▸ **REQUIRED ACTION**:
Could you set down exactly the lines in the records below between the line holding "#17=IFCWALL('0000000000000000000005',$,'L01 insulated brick" and the line holding "#32=IFCINDEXEDPOLYGONALFACE((21,23,24,22));", inclusive?

╭─ DATA FOR PROCESSING

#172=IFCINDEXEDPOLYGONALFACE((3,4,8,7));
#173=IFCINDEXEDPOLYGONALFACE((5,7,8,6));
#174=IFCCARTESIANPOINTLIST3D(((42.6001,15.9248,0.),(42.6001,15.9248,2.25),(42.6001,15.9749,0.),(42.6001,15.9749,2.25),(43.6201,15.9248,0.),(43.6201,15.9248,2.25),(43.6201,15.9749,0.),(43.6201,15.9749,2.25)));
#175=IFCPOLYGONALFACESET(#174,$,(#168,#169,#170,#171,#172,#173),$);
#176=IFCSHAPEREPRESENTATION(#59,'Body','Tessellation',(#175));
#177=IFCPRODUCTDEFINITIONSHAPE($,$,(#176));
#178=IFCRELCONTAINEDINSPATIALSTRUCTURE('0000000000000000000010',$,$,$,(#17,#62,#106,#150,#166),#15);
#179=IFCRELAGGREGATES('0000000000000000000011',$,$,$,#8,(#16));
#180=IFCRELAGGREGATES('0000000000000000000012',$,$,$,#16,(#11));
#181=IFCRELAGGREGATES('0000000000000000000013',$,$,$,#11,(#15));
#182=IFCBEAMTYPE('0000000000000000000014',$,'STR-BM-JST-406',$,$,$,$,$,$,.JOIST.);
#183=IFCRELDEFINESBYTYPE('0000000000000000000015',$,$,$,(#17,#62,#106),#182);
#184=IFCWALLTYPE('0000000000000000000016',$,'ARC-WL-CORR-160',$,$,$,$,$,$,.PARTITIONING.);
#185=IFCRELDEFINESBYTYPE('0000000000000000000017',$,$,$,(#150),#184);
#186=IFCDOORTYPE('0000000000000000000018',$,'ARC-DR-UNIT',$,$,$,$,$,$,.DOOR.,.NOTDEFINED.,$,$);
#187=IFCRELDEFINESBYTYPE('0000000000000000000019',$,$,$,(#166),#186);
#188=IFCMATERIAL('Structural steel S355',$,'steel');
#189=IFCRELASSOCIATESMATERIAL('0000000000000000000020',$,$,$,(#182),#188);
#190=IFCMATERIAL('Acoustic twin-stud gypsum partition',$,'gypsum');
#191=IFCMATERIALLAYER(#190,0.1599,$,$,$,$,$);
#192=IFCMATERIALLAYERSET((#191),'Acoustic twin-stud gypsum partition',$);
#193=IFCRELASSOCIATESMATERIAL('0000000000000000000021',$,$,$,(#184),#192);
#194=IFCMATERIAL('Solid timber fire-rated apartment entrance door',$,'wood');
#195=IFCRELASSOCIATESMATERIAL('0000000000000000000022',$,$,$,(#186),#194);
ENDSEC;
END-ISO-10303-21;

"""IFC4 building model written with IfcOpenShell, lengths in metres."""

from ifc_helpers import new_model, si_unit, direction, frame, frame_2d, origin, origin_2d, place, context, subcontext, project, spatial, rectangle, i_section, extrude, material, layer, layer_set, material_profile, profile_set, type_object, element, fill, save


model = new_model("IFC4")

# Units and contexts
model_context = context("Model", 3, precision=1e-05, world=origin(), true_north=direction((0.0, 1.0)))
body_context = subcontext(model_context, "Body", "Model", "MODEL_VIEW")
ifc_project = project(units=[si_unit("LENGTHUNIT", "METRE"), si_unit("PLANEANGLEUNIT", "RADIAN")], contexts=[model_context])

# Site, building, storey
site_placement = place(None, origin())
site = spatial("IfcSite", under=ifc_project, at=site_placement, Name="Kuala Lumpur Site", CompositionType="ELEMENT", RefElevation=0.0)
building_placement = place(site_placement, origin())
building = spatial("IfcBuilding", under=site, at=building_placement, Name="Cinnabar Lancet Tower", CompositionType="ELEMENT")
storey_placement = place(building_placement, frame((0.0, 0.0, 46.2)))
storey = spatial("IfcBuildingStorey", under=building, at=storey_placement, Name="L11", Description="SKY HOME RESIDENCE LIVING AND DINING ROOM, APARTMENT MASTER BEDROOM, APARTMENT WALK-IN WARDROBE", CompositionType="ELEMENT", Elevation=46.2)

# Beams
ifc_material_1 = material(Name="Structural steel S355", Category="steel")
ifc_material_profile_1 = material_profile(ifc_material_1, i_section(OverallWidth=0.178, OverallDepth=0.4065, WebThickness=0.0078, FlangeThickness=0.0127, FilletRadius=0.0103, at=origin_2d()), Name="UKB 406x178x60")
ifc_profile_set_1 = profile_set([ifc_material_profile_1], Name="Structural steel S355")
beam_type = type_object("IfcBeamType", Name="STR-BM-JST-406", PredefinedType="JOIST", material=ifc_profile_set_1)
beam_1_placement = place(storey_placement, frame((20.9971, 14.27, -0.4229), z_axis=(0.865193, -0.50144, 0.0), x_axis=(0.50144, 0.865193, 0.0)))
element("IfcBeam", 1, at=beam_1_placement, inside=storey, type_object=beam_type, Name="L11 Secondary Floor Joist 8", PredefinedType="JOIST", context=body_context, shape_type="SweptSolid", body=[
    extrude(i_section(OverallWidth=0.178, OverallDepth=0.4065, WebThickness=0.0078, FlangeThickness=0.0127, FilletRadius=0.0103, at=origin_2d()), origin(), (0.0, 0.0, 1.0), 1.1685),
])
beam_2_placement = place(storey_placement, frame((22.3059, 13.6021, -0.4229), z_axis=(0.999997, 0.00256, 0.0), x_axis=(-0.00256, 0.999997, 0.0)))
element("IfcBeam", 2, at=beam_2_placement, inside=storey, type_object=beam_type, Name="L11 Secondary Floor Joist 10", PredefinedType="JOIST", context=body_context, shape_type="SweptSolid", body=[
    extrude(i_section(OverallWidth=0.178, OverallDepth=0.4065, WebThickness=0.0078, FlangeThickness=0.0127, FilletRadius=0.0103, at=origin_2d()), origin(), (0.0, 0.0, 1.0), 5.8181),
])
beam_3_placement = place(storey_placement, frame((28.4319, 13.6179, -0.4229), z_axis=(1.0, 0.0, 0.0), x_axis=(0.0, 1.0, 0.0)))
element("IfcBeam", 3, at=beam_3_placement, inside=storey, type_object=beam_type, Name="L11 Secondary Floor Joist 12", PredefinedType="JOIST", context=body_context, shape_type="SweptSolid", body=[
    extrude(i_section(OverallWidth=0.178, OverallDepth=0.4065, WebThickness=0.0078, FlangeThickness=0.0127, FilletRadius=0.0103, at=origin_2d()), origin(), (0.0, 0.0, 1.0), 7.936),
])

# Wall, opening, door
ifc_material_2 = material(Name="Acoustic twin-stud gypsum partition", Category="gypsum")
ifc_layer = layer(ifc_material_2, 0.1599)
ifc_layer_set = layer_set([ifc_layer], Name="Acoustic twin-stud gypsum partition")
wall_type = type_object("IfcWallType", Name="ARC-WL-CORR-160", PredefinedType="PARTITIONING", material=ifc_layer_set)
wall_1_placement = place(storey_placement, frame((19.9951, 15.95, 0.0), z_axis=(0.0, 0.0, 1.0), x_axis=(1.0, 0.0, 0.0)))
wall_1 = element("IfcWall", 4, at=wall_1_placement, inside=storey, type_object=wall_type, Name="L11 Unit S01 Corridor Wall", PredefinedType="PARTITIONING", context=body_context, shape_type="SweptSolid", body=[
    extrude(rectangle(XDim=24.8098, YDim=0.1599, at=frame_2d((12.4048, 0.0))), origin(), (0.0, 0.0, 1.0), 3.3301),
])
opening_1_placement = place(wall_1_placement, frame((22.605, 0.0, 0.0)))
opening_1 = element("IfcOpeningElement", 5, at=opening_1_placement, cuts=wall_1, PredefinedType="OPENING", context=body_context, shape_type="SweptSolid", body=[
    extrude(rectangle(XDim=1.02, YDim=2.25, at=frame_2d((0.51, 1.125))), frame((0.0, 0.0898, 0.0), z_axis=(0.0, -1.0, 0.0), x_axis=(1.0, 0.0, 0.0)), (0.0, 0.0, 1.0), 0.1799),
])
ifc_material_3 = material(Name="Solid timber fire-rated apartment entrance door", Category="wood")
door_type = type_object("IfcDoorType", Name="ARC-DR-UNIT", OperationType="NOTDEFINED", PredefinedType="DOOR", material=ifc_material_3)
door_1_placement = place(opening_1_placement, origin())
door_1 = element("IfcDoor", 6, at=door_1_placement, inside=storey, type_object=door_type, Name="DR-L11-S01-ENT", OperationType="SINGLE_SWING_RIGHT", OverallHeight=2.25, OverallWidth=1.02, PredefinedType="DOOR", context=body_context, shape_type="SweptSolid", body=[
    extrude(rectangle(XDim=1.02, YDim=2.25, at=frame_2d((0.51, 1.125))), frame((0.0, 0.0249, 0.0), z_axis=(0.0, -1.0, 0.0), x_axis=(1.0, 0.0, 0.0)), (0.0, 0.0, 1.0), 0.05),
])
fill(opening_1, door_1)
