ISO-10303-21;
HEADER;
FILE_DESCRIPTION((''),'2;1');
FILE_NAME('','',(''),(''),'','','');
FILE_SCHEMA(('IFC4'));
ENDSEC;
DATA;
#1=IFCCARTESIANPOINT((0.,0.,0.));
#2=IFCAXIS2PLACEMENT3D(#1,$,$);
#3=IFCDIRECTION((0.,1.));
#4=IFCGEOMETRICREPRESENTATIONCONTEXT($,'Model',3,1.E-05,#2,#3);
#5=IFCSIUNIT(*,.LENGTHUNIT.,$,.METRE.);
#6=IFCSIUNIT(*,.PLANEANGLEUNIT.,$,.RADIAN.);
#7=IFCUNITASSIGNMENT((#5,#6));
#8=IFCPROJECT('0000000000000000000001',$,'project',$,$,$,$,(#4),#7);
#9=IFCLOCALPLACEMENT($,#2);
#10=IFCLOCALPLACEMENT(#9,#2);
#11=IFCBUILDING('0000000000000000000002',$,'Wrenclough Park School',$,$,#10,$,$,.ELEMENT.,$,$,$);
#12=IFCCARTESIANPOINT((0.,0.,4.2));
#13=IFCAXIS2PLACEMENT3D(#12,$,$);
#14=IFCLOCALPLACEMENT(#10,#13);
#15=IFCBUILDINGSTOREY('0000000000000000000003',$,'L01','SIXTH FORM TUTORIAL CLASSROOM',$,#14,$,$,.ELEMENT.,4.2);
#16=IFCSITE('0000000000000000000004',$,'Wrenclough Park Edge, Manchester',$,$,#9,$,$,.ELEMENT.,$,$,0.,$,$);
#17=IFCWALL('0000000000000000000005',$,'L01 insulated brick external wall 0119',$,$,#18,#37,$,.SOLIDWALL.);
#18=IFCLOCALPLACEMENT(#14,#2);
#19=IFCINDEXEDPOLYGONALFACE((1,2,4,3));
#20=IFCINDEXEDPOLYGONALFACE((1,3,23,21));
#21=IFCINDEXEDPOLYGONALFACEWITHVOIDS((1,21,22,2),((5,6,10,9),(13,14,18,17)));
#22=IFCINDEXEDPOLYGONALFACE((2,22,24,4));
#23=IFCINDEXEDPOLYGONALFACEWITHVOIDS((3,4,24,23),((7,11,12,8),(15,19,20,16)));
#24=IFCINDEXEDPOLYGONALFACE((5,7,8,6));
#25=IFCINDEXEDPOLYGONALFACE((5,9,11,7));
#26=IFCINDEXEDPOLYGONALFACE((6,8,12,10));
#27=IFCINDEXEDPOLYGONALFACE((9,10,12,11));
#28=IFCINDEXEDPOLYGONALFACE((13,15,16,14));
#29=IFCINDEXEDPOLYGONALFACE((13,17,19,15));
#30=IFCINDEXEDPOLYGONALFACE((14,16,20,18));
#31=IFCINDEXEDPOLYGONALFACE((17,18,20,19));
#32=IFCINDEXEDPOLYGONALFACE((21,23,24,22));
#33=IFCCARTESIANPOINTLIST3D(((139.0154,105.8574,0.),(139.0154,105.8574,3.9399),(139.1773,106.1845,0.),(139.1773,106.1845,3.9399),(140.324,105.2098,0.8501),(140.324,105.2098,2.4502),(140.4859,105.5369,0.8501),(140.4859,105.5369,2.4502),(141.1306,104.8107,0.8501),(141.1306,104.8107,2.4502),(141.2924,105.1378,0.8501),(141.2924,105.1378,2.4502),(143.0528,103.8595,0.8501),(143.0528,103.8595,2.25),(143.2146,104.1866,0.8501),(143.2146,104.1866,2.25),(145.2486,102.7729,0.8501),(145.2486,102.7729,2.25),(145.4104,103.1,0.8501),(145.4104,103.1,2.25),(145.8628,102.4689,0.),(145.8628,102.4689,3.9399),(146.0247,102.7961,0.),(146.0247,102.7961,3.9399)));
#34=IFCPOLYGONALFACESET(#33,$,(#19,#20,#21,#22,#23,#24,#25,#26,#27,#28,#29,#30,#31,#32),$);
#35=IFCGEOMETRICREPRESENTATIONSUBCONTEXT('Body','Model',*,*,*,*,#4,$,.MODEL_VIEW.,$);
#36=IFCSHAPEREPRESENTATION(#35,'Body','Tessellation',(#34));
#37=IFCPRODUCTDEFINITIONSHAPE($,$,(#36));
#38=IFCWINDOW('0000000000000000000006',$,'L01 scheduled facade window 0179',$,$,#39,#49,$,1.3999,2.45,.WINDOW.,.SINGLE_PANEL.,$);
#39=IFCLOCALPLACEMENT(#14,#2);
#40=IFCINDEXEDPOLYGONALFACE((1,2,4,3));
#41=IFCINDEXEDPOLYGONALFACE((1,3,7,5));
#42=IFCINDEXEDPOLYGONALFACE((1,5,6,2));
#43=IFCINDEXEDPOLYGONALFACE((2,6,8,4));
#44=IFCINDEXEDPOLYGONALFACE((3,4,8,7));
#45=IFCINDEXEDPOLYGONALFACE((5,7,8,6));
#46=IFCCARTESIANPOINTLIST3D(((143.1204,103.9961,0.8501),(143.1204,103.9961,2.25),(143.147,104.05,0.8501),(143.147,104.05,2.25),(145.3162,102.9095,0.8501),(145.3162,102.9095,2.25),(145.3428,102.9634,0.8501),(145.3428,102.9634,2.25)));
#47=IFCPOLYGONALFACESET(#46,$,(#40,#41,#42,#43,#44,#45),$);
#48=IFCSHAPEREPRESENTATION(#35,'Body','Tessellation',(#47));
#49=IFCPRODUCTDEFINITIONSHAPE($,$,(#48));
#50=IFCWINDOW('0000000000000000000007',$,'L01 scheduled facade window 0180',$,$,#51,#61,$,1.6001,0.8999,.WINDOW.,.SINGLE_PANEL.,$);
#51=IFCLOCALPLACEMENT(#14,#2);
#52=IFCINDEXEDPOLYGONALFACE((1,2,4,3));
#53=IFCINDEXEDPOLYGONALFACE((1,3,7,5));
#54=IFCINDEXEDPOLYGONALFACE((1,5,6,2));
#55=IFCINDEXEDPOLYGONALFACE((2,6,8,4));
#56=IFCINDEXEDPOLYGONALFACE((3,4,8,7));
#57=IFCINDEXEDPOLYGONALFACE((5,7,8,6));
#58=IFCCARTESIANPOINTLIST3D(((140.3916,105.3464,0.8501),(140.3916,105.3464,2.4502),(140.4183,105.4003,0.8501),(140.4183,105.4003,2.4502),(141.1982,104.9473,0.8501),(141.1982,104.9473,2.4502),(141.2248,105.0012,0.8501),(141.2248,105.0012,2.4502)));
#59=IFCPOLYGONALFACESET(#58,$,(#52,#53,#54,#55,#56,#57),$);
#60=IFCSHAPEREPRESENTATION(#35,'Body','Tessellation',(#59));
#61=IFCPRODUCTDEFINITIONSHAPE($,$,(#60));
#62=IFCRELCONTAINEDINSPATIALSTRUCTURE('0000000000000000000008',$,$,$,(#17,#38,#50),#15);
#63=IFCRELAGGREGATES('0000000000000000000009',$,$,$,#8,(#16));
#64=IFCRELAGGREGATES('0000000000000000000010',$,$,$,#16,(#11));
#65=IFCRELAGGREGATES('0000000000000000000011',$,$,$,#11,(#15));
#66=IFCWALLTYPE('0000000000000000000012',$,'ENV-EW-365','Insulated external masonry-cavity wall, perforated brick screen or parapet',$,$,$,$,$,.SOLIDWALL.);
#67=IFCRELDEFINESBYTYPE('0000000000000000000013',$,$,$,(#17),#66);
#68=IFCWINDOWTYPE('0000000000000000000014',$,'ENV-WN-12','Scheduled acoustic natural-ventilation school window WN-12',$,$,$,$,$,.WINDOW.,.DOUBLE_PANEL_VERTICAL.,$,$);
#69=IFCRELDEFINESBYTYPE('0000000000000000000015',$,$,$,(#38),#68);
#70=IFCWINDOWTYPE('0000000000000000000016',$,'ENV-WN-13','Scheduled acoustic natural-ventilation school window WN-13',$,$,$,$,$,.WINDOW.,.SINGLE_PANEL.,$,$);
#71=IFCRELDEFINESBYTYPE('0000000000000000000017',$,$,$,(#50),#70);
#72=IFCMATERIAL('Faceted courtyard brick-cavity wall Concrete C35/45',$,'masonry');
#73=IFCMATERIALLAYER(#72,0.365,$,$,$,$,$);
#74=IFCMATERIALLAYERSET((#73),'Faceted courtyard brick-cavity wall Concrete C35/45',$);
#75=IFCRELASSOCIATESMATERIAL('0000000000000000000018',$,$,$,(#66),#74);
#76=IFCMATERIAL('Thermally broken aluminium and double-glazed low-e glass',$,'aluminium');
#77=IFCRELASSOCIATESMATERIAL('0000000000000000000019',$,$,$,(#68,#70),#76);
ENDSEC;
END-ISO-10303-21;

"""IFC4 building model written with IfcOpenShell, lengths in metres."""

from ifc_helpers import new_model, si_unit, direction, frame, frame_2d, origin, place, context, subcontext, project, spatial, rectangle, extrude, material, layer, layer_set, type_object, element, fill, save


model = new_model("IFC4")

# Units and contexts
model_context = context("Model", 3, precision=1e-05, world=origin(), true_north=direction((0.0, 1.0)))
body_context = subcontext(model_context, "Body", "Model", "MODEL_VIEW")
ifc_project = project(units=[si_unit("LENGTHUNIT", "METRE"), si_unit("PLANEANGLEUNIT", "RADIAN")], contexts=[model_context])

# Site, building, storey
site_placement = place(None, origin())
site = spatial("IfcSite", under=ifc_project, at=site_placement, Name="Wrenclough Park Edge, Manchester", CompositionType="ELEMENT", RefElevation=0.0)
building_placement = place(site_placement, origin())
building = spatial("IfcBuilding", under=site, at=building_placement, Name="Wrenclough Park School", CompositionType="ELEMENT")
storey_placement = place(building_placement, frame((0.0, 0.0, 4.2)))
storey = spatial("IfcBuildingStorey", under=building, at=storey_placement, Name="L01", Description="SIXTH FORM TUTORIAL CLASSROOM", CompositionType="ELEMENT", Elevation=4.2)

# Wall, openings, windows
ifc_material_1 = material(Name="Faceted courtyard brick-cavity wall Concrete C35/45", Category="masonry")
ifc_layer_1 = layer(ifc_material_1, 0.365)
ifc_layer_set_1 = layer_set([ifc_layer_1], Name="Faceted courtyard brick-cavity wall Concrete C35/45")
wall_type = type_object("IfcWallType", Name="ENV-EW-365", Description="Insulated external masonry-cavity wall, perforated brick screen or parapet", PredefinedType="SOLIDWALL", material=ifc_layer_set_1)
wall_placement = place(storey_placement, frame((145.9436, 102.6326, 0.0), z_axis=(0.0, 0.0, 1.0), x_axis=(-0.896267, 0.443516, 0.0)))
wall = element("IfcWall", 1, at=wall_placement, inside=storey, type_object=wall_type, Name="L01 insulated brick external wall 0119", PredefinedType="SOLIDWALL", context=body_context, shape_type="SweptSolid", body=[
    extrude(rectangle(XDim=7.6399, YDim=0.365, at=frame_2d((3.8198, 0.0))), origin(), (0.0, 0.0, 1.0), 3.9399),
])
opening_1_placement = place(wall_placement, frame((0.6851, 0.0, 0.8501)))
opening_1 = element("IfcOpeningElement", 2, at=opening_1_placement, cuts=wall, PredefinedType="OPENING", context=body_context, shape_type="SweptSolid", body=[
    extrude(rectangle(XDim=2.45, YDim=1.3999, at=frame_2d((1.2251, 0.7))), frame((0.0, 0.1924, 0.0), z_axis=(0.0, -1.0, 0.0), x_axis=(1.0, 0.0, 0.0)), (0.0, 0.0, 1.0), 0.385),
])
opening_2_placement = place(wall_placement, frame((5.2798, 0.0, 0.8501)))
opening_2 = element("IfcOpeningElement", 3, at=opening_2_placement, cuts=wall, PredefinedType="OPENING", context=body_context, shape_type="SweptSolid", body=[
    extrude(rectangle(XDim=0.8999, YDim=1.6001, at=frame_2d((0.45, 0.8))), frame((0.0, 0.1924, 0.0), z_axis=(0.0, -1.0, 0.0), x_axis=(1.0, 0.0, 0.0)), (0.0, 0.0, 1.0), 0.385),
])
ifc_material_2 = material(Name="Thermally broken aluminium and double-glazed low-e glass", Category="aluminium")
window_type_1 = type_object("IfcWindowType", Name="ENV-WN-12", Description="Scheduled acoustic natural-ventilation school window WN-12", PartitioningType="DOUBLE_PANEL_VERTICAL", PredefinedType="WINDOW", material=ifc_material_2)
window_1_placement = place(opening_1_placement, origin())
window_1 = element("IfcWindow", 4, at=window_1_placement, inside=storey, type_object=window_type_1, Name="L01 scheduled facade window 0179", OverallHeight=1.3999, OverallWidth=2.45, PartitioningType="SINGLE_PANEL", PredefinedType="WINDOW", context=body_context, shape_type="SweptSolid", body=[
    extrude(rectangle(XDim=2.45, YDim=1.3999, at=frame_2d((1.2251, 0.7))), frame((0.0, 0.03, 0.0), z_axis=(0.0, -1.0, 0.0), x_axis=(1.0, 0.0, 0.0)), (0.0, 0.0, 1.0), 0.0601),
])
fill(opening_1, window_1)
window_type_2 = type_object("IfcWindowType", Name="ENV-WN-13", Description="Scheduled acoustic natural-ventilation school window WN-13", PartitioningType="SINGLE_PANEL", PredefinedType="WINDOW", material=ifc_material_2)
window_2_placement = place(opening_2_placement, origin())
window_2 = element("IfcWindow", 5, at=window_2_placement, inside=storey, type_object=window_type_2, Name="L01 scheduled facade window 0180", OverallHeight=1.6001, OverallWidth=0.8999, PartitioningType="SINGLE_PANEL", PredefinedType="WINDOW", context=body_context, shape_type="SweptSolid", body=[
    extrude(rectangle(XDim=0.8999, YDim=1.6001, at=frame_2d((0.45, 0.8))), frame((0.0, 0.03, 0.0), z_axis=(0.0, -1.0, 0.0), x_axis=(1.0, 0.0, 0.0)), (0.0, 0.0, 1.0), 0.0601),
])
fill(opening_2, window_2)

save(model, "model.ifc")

╰─

▸ **YOUR RESPONSE**:
#17=IFCWALL('0000000000000000000005',$,'L01 insulated brick external wall 0119',$,$,#18,#37,$,.SOLIDWALL.);
#18=IFCLOCALPLACEMENT(#14,#2);
#19=IFCINDEXEDPOLYGONALFACE((1,2,4,3));
#20=IFCINDEXEDPOLYGONALFACE((1,3,23,21));
#21=IFCINDEXEDPOLYGONALFACEWITHVOIDS((1,21,22,2),((5,6,10,9),(13,14,18,17)));
#22=IFCINDEXEDPOLYGONALFACE((2,22,24,4));
#23=IFCINDEXEDPOLYGONALFACEWITHVOIDS((3,4,24,23),((7,11,12,8),(15,19,20,16)));
#24=IFCINDEXEDPOLYGONALFACE((5,7,8,6));
#25=IFCINDEXEDPOLYGONALFACE((5,9,11,7));
#26=IFCINDEXEDPOLYGONALFACE((6,8,12,10));
#27=IFCINDEXEDPOLYGONALFACE((9,10,12,11));
#28=IFCINDEXEDPOLYGONALFACE((13,15,16,14));
#29=IFCINDEXEDPOLYGONALFACE((13,17,19,15));
#30=IFCINDEXEDPOLYGONALFACE((14,16,20,18));
#31=IFCINDEXEDPOLYGONALFACE((17,18,20,19));
#32=IFCINDEXEDPOLYGONALFACE((21,23,24,22));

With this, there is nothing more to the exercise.